- **The task**
Only one stretch of the listing below is wanted. Give it again exactly, from the line with "#110=IFCINDEXEDPOLYGONALFACE((1,37,69,33));" through the line with "#126=IFCINDEXEDPOLYGONALFACE((16,52,54,18));".

- **Data excerpts**
▬▬▬
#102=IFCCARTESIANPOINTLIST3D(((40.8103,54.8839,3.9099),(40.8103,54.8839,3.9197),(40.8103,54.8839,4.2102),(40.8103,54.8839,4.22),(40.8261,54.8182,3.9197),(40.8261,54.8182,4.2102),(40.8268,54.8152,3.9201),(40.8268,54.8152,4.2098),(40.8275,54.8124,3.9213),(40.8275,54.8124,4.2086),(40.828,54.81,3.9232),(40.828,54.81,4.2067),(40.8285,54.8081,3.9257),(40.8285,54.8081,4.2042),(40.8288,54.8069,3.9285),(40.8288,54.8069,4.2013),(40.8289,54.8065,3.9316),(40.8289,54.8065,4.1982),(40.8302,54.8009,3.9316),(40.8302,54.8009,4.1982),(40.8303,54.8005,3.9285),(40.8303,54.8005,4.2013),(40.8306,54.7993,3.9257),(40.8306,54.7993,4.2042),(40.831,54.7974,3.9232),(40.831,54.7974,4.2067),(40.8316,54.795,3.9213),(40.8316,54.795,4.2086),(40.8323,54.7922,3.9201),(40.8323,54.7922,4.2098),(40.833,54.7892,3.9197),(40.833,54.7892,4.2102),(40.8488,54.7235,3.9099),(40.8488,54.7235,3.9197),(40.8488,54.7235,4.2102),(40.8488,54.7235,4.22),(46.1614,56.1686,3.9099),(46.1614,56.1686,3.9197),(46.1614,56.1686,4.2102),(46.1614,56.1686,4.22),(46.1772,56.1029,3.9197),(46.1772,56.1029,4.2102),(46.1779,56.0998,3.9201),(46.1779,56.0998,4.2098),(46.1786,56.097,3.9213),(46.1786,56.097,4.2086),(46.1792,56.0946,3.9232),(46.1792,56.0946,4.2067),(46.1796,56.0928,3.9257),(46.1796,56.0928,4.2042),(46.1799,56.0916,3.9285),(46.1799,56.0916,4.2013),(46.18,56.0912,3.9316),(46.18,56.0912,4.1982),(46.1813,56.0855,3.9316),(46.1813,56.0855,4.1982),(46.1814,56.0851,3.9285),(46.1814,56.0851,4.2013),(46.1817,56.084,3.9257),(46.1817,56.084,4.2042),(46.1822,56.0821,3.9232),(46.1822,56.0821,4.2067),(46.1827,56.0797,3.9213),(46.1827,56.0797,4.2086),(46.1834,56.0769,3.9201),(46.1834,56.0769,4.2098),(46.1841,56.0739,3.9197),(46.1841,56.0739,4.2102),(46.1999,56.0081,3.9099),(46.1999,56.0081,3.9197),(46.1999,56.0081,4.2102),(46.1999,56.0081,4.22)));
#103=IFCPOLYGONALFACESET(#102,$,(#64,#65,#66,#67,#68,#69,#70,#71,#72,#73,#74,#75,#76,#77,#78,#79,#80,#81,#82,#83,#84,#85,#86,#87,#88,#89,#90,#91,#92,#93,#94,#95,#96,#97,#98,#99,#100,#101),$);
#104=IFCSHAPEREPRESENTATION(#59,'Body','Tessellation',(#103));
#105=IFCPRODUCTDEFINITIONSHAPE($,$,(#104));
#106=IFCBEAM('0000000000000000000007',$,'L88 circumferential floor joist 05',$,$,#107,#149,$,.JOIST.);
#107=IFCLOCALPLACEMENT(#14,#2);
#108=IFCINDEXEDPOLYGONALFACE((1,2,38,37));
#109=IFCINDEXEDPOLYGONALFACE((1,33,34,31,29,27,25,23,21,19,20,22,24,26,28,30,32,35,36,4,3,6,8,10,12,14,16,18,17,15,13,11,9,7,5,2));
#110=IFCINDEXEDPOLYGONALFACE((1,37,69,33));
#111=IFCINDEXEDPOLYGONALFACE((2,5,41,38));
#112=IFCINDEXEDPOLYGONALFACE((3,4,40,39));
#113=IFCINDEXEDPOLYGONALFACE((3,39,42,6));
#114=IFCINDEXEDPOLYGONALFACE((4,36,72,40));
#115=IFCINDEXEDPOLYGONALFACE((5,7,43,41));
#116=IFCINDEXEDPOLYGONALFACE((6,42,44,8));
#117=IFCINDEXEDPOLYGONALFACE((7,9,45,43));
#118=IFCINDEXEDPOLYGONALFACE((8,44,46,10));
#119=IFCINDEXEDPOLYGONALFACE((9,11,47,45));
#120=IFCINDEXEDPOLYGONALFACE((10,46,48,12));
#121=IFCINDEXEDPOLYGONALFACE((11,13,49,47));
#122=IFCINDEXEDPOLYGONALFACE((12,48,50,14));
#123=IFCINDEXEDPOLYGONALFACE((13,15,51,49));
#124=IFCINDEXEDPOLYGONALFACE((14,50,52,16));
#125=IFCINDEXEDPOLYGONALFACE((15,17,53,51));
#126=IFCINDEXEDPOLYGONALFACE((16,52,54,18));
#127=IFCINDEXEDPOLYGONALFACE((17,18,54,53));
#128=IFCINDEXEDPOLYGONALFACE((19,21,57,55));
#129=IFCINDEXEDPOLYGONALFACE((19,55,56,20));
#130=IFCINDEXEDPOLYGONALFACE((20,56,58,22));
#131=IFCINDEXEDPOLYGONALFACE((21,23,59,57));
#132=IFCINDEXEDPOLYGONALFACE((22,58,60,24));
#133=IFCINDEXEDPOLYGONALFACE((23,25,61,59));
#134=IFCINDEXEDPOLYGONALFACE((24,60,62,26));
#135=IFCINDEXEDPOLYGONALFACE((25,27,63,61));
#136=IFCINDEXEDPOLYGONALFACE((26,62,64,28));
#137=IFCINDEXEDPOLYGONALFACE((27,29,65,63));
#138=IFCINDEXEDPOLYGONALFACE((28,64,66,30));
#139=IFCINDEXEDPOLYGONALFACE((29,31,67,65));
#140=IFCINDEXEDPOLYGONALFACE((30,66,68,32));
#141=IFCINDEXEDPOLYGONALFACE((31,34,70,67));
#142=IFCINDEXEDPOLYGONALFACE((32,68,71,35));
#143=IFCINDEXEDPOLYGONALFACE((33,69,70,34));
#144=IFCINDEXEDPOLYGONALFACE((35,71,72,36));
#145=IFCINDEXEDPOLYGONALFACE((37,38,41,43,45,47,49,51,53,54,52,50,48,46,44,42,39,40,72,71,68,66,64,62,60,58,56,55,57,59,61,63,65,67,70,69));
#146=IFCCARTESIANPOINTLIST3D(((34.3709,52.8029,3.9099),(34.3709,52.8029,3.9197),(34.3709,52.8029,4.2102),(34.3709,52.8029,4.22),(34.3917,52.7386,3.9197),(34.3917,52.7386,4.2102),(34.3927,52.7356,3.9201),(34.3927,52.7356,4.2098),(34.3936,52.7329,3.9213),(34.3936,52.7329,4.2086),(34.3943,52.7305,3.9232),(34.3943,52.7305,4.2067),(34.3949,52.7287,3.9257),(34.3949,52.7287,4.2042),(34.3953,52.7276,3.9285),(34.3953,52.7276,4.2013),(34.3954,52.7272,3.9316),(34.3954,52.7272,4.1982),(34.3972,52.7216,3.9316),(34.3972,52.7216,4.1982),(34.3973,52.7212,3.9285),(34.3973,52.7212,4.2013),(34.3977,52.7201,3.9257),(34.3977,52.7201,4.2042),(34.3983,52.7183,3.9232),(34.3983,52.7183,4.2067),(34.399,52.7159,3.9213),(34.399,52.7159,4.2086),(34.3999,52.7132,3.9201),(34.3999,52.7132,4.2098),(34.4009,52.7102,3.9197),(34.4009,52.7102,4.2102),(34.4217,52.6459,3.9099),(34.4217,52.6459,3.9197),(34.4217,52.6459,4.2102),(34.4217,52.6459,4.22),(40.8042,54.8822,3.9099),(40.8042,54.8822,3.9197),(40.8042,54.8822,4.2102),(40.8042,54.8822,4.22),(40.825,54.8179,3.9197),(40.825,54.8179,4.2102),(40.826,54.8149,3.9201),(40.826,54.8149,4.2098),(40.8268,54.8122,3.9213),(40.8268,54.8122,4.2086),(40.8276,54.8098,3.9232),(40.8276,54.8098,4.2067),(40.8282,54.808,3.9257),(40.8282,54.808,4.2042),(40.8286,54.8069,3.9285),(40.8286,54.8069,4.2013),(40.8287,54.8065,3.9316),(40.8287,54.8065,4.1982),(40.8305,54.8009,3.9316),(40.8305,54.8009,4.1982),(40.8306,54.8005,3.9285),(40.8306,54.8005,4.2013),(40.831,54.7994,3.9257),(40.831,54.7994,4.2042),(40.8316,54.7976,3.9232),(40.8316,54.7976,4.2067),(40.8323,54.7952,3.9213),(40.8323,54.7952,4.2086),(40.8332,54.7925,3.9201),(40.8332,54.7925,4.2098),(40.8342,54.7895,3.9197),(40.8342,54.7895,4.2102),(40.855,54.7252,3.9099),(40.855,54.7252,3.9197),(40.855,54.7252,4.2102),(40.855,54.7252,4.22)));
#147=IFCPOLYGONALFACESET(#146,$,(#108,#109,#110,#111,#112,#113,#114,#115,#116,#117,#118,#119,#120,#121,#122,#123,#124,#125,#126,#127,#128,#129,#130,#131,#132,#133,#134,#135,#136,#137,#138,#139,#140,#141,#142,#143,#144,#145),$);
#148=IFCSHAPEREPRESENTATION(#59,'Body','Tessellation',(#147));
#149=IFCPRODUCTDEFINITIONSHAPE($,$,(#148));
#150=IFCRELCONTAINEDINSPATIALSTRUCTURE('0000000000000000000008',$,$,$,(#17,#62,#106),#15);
▬▬▬
- **Written response**
#110=IFCINDEXEDPOLYGONALFACE((1,37,69,33));
#111=IFCINDEXEDPOLYGONALFACE((2,5,41,38));
#112=IFCINDEXEDPOLYGONALFACE((3,4,40,39));
#113=IFCINDEXEDPOLYGONALFACE((3,39,42,6));
#114=IFCINDEXEDPOLYGONALFACE((4,36,72,40));
#115=IFCINDEXEDPOLYGONALFACE((5,7,43,41));
#116=IFCINDEXEDPOLYGONALFACE((6,42,44,8));
#117=IFCINDEXEDPOLYGONALFACE((7,9,45,43));
#118=IFCINDEXEDPOLYGONALFACE((8,44,46,10));
#119=IFCINDEXEDPOLYGONALFACE((9,11,47,45));
#120=IFCINDEXEDPOLYGONALFACE((10,46,48,12));
#121=IFCINDEXEDPOLYGONALFACE((11,13,49,47));
#122=IFCINDEXEDPOLYGONALFACE((12,48,50,14));
#123=IFCINDEXEDPOLYGONALFACE((13,15,51,49));
#124=IFCINDEXEDPOLYGONALFACE((14,50,52,16));
#125=IFCINDEXEDPOLYGONALFACE((15,17,53,51));
#126=IFCINDEXEDPOLYGONALFACE((16,52,54,18));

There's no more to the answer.